● **YOUR TASK**:
After repeating the line containing "#193=IFCRELAGGREGATES('0000000000000000000017',$,$,$,#11,(#15));", stop; until then, repeat each line of the listing below exactly, starting with the first.

● **RECORD SET**:
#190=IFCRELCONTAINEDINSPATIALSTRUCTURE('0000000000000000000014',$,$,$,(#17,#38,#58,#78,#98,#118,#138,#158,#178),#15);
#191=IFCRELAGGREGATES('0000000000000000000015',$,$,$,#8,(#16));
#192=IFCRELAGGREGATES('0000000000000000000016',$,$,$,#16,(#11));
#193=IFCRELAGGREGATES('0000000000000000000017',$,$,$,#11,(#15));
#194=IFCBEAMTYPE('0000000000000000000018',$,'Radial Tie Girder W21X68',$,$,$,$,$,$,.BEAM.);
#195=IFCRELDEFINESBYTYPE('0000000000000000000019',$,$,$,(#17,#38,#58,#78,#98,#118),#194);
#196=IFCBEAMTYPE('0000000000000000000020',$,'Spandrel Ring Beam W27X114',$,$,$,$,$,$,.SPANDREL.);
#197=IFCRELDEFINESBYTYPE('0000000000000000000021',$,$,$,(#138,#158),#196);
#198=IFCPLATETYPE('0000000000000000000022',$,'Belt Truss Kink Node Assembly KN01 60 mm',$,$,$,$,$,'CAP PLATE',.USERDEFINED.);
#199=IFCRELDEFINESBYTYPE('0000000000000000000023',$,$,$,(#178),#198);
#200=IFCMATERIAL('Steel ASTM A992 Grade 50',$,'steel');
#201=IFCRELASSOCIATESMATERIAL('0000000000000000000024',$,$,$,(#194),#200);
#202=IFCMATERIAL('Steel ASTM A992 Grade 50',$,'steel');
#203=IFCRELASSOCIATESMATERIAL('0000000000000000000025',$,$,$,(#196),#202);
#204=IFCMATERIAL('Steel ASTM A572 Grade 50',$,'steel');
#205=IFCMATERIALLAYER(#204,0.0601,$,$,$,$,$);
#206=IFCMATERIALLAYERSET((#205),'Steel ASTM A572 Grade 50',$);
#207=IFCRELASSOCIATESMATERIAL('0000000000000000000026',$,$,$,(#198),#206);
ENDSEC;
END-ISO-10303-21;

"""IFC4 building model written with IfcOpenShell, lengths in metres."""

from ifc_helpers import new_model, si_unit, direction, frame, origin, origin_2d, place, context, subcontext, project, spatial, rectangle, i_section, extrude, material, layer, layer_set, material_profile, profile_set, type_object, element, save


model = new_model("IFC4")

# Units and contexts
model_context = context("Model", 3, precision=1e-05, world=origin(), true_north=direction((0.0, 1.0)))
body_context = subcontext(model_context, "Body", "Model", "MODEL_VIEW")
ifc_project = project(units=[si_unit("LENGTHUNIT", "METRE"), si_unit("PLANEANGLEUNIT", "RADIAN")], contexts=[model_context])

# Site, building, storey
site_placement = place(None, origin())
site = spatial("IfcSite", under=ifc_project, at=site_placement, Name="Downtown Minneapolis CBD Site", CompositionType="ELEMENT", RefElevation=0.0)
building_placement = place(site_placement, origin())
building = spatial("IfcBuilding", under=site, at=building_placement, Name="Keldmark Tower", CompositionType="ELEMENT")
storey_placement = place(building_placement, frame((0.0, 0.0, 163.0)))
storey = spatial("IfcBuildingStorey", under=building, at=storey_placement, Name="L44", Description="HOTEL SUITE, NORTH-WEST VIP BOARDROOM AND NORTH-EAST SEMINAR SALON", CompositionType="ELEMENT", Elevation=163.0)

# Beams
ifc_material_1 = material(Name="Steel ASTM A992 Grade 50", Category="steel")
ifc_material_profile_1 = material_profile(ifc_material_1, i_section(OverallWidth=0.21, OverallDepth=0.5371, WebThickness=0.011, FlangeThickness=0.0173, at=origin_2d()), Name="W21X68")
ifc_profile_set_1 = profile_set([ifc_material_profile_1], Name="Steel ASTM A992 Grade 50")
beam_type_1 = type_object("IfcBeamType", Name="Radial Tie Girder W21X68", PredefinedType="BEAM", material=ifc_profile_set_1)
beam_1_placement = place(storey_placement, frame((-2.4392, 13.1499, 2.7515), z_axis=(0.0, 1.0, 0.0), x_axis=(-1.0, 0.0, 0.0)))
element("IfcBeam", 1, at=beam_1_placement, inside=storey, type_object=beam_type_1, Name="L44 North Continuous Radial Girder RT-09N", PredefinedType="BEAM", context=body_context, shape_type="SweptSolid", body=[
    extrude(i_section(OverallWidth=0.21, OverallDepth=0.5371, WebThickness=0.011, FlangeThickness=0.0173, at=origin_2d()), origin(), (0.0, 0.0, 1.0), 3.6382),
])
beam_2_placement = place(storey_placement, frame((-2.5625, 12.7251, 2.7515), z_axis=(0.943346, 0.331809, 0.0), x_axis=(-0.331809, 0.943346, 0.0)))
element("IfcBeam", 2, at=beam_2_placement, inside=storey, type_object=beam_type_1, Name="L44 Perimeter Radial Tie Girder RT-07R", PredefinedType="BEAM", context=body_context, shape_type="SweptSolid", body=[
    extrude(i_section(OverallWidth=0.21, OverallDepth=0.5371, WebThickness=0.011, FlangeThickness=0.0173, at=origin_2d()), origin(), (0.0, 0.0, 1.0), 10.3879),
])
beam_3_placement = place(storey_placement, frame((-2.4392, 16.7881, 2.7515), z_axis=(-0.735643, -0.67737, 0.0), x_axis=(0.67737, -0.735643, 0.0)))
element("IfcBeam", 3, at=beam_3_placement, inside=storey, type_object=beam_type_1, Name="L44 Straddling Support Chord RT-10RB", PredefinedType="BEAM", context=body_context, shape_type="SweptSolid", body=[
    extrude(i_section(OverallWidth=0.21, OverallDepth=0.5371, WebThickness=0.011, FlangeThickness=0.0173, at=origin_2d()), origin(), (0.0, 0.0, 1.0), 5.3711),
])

● **SOLVED EXERCISE**:
#190=IFCRELCONTAINEDINSPATIALSTRUCTURE('0000000000000000000014',$,$,$,(#17,#38,#58,#78,#98,#118,#138,#158,#178),#15);
#191=IFCRELAGGREGATES('0000000000000000000015',$,$,$,#8,(#16));
#192=IFCRELAGGREGATES('0000000000000000000016',$,$,$,#16,(#11));
#193=IFCRELAGGREGATES('0000000000000000000017',$,$,$,#11,(#15));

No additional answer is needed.